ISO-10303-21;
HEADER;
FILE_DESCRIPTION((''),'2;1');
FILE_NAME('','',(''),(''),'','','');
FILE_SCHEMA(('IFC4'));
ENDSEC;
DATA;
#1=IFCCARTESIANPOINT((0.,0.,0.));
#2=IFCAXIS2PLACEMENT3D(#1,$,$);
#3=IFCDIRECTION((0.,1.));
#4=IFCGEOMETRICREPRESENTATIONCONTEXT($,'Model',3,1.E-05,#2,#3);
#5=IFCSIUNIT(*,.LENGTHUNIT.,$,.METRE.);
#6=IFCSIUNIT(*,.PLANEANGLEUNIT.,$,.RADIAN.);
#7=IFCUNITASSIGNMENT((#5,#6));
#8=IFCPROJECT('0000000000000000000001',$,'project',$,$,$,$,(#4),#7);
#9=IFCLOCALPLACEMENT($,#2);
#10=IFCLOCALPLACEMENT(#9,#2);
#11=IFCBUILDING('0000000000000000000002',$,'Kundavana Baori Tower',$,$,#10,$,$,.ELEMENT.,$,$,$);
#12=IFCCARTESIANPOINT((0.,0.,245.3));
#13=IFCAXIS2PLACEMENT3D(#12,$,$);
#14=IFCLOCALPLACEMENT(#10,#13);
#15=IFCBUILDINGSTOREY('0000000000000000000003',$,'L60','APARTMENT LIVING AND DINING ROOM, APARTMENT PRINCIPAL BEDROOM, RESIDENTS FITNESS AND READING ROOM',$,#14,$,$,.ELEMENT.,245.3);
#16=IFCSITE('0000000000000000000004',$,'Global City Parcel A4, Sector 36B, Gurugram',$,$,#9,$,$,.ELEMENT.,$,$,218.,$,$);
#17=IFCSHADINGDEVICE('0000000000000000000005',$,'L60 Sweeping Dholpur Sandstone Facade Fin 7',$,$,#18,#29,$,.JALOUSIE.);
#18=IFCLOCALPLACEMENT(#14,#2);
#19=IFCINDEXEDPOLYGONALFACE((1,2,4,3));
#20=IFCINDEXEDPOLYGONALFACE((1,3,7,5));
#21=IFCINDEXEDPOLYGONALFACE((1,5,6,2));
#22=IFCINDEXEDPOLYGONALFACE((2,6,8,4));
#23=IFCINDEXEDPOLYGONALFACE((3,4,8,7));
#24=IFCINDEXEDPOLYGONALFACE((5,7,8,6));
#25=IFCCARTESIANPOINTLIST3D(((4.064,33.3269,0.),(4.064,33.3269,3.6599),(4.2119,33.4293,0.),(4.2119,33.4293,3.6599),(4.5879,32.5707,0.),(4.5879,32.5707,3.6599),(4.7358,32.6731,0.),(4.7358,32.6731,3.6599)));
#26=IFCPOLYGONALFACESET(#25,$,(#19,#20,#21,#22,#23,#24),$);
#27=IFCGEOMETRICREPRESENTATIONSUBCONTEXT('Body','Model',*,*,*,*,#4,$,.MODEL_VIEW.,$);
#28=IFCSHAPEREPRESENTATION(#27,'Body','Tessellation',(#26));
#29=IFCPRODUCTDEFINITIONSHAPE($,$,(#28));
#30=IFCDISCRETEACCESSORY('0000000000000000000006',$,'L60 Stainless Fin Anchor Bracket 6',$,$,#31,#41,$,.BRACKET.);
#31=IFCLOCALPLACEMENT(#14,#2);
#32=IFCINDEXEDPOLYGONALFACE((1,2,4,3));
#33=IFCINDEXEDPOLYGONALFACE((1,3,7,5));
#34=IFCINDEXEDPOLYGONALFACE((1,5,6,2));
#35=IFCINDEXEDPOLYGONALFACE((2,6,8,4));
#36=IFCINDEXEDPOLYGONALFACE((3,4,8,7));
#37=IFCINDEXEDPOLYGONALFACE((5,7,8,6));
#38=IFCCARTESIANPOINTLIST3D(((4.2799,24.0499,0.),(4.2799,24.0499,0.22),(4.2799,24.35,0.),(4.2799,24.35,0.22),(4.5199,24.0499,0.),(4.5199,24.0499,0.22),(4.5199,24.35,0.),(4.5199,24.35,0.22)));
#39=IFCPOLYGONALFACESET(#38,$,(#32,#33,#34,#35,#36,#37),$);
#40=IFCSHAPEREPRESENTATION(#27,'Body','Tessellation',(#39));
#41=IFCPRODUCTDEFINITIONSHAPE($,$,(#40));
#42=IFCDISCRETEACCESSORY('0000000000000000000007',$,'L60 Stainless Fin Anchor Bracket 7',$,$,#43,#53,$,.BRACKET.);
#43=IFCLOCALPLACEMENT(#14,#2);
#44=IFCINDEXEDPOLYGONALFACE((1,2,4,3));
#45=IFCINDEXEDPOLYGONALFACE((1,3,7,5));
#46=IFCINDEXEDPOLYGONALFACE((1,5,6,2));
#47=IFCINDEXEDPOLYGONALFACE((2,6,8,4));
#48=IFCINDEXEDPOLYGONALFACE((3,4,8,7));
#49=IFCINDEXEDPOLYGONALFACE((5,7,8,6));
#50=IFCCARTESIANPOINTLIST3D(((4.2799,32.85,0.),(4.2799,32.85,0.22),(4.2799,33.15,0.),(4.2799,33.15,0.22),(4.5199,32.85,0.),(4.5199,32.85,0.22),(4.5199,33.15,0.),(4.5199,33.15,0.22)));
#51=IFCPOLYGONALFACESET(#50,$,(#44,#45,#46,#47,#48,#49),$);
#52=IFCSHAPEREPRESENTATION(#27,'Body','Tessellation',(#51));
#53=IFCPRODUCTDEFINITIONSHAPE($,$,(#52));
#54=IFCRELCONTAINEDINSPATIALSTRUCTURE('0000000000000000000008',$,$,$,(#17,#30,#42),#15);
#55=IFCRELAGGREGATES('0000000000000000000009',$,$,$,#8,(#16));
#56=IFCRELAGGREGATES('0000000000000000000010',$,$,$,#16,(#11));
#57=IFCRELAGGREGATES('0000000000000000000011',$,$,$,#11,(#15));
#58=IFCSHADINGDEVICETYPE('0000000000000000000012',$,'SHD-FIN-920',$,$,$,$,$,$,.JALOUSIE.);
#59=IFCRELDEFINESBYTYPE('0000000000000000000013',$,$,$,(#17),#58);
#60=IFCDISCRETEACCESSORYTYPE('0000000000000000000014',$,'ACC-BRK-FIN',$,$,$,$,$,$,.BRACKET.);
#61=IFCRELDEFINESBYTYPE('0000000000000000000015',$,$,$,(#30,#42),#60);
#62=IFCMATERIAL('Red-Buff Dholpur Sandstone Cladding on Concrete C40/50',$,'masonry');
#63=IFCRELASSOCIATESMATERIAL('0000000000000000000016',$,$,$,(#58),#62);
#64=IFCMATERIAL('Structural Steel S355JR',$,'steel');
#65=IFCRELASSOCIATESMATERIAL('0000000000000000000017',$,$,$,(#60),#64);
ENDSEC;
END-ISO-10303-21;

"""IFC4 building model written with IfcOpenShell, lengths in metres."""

from ifc_helpers import new_model, si_unit, direction, frame, origin, origin_2d, place, context, subcontext, project, spatial, rectangle, extrude, material, type_object, element, save


model = new_model("IFC4")

# Units and contexts
model_context = context("Model", 3, precision=1e-05, world=origin(), true_north=direction((0.0, 1.0)))
body_context = subcontext(model_context, "Body", "Model", "MODEL_VIEW")
ifc_project = project(units=[si_unit("LENGTHUNIT", "METRE"), si_unit("PLANEANGLEUNIT", "RADIAN")], contexts=[model_context])

# Site, building, storey
site_placement = place(None, origin())
site = spatial("IfcSite", under=ifc_project, at=site_placement, Name="Global City Parcel A4, Sector 36B, Gurugram", CompositionType="ELEMENT", RefElevation=218.0)
building_placement = place(site_placement, origin())
building = spatial("IfcBuilding", under=site, at=building_placement, Name="Kundavana Baori Tower", CompositionType="ELEMENT")
storey_placement = place(building_placement, frame((0.0, 0.0, 245.3)))
storey = spatial("IfcBuildingStorey", under=building, at=storey_placement, Name="L60", Description="APARTMENT LIVING AND DINING ROOM, APARTMENT PRINCIPAL BEDROOM, RESIDENTS FITNESS AND READING ROOM", CompositionType="ELEMENT", Elevation=245.3)

# Shading device
ifc_material_1 = material(Name="Red-Buff Dholpur Sandstone Cladding on Concrete C40/50", Category="masonry")
shading_device_type = type_object("IfcShadingDeviceType", Name="SHD-FIN-920", PredefinedType="JALOUSIE", material=ifc_material_1)
shading_device_placement = place(storey_placement, frame((4.3999, 33.0, 0.0), z_axis=(0.0, 0.0, 1.0), x_axis=(0.822045, 0.569423, 0.0)))
element("IfcShadingDevice", 1, at=shading_device_placement, inside=storey, type_object=shading_device_type, Name="L60 Sweeping Dholpur Sandstone Facade Fin 7", PredefinedType="JALOUSIE", context=body_context, shape_type="SweptSolid", body=[
    extrude(rectangle(XDim=0.1799, YDim=0.9199, at=origin_2d()), origin(), (0.0, 0.0, 1.0), 3.6599),
])

# Discrete accessories
ifc_material_2 = material(Name="Structural Steel S355JR", Category="steel")
discrete_accessory_type = type_object("IfcDiscreteAccessoryType", Name="ACC-BRK-FIN", PredefinedType="BRACKET", material=ifc_material_2)
for number, where, z_axis, x_axis, name in (
    (2, (4.3999, 24.2, 0.0), (0.0, 0.0, 1.0), (1.0, 0.0, 0.0), "L60 Stainless Fin Anchor Bracket 6"),
    (3, (4.3999, 33.0, 0.0), (0.0, 0.0, 1.0), (1.0, 0.0, 0.0), "L60 Stainless Fin Anchor Bracket 7"),
):
    element("IfcDiscreteAccessory", number, at=place(storey_placement, frame(where, z_axis=z_axis, x_axis=x_axis)), inside=storey, type_object=discrete_accessory_type, Name=name, PredefinedType="BRACKET", context=body_context, shape_type="SweptSolid", body=[
        extrude(rectangle(XDim=0.24, YDim=0.3, at=origin_2d()), origin(), (0.0, 0.0, 1.0), 0.22),
    ])

save(model, "model.ifc")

- [Activity] Look above for the line with "#10=IFCLOCALPLACEMENT(#9,#2);" and the line with "#22=IFCINDEXEDPOLYGONALFACE((2,6,8,4));", and reproduce exactly those two lines plus every line between, nothing more.

- [Written solution]
#10=IFCLOCALPLACEMENT(#9,#2);
#11=IFCBUILDING('0000000000000000000002',$,'Kundavana Baori Tower',$,$,#10,$,$,.ELEMENT.,$,$,$);
#12=IFCCARTESIANPOINT((0.,0.,245.3));
#13=IFCAXIS2PLACEMENT3D(#12,$,$);
#14=IFCLOCALPLACEMENT(#10,#13);
#15=IFCBUILDINGSTOREY('0000000000000000000003',$,'L60','APARTMENT LIVING AND DINING ROOM, APARTMENT PRINCIPAL BEDROOM, RESIDENTS FITNESS AND READING ROOM',$,#14,$,$,.ELEMENT.,245.3);
#16=IFCSITE('0000000000000000000004',$,'Global City Parcel A4, Sector 36B, Gurugram',$,$,#9,$,$,.ELEMENT.,$,$,218.,$,$);
#17=IFCSHADINGDEVICE('0000000000000000000005',$,'L60 Sweeping Dholpur Sandstone Facade Fin 7',$,$,#18,#29,$,.JALOUSIE.);
#18=IFCLOCALPLACEMENT(#14,#2);
#19=IFCINDEXEDPOLYGONALFACE((1,2,4,3));
#20=IFCINDEXEDPOLYGONALFACE((1,3,7,5));
#21=IFCINDEXEDPOLYGONALFACE((1,5,6,2));
#22=IFCINDEXEDPOLYGONALFACE((2,6,8,4));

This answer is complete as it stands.